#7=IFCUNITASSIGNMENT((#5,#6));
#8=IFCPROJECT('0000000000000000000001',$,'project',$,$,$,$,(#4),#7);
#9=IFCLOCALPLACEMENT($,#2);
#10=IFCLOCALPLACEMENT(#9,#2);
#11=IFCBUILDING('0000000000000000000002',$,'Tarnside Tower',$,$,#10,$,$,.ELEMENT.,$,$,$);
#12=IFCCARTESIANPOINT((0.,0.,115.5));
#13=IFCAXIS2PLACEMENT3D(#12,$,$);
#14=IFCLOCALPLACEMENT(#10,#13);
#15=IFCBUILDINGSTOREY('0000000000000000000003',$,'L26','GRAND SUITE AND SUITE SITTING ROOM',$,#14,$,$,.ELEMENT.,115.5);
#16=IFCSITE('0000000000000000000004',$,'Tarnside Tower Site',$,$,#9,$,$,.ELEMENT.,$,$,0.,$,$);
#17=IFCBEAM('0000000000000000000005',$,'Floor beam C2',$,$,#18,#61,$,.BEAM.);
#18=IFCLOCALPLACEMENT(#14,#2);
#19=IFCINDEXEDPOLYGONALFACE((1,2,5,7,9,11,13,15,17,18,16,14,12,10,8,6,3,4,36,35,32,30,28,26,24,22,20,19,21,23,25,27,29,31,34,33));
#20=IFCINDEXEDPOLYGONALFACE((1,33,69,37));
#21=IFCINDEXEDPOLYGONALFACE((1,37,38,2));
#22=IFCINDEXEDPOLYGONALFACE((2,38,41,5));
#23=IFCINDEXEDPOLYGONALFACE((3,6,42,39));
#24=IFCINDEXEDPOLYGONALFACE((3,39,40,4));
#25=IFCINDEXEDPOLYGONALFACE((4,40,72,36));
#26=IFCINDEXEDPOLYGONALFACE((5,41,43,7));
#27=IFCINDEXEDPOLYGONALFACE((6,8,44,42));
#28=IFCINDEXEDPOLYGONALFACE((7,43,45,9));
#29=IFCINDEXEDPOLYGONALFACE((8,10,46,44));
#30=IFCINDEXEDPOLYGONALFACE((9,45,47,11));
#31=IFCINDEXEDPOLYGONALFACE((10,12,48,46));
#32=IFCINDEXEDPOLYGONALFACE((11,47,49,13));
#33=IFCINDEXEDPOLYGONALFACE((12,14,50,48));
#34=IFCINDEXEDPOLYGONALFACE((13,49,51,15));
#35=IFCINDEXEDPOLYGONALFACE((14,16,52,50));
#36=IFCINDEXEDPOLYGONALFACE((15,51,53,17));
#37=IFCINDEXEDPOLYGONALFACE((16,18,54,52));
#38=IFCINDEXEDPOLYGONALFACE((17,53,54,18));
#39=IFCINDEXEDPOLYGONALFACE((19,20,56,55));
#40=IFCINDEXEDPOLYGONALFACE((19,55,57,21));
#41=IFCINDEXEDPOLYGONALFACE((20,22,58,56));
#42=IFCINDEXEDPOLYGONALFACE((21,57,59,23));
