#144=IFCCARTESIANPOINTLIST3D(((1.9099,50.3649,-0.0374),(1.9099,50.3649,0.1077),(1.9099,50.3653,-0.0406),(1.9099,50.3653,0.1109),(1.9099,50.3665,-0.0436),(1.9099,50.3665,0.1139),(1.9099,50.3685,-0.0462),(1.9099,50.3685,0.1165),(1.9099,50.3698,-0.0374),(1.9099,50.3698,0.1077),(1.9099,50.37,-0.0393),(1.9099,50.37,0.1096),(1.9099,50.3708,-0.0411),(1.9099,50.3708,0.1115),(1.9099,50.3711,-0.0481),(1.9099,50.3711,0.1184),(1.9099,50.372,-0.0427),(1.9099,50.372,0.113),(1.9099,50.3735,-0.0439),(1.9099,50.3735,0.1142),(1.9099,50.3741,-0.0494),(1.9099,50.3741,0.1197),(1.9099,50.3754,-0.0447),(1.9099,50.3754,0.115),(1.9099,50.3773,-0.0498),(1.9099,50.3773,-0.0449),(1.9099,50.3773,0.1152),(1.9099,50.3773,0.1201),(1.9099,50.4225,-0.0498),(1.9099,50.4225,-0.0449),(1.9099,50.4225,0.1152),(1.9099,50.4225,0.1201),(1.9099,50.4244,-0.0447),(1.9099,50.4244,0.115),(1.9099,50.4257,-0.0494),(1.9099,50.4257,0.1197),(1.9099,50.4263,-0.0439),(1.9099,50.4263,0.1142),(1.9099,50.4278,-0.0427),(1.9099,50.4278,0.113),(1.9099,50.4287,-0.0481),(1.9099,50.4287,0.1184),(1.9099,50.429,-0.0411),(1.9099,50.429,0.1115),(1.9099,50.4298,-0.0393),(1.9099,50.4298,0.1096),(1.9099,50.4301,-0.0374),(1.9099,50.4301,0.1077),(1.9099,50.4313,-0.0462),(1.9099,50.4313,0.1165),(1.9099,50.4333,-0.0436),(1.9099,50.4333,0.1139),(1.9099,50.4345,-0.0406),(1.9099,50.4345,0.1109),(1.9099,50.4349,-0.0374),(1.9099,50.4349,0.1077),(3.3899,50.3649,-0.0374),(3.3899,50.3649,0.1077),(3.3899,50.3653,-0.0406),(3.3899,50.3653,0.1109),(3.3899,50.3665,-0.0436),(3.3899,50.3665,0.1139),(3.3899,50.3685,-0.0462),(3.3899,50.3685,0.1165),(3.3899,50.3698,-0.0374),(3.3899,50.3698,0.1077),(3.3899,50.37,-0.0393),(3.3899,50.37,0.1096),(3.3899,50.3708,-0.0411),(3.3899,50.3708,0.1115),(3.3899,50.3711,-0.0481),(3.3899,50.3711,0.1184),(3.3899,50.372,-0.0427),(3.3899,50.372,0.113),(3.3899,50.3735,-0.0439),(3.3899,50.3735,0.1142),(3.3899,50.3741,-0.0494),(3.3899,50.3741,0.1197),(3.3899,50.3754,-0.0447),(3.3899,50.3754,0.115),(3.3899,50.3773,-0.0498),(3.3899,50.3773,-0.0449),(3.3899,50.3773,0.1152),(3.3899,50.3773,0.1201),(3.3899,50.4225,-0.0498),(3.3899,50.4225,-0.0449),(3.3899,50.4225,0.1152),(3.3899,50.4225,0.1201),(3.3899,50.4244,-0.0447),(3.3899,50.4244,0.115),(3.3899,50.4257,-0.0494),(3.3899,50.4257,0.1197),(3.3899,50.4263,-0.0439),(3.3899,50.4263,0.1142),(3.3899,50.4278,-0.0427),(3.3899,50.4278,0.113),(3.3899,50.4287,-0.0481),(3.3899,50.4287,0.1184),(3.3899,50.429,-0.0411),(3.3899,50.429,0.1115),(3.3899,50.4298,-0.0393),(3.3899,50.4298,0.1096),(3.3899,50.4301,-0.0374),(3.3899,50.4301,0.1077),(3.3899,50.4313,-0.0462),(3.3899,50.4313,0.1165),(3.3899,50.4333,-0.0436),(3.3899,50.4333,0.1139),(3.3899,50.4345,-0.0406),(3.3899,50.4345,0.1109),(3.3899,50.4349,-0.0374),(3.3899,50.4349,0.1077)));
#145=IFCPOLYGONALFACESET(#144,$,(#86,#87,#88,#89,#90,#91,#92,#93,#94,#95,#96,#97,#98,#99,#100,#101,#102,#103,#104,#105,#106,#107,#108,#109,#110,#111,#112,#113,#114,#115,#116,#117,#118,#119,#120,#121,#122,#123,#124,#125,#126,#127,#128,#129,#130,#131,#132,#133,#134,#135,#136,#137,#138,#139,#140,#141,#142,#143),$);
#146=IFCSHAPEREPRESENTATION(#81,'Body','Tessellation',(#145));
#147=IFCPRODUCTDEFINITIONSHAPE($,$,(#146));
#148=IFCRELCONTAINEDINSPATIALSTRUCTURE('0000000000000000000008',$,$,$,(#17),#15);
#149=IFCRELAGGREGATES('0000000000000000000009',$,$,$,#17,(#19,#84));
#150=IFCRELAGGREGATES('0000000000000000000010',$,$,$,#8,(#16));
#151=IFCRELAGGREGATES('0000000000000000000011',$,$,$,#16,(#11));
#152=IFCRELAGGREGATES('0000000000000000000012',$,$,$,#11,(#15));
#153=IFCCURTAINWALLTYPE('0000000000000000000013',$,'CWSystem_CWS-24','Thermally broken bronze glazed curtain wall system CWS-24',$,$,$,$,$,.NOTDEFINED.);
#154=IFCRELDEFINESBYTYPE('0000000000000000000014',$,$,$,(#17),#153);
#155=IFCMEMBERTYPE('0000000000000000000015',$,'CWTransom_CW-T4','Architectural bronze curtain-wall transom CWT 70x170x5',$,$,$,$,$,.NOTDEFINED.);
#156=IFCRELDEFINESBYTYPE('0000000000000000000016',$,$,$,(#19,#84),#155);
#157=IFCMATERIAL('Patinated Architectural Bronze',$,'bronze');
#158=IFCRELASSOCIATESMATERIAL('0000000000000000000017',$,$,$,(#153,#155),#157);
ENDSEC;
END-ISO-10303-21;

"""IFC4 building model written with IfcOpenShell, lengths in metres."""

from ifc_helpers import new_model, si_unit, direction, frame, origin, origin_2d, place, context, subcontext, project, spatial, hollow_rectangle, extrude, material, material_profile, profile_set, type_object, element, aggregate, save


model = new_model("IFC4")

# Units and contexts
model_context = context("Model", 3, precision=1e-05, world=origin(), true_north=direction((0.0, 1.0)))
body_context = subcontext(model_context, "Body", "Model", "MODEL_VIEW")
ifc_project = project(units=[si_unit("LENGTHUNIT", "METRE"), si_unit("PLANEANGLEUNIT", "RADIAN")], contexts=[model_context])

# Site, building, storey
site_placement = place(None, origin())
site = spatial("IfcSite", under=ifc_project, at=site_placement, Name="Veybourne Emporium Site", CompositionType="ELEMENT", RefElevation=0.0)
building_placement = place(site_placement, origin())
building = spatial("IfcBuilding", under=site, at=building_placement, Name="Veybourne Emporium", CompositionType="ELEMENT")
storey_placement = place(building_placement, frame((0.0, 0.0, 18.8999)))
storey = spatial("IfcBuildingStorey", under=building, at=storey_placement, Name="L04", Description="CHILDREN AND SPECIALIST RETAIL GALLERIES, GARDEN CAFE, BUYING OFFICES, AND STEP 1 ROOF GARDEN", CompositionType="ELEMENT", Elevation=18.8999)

What this task involves:
Each line containing the word "NOTDEFINED" needs to be copied from the data above.

Response to this exercise:
#153=IFCCURTAINWALLTYPE('0000000000000000000013',$,'CWSystem_CWS-24','Thermally broken bronze glazed curtain wall system CWS-24',$,$,$,$,$,.NOTDEFINED.);
#155=IFCMEMBERTYPE('0000000000000000000015',$,'CWTransom_CW-T4','Architectural bronze curtain-wall transom CWT 70x170x5',$,$,$,$,$,.NOTDEFINED.);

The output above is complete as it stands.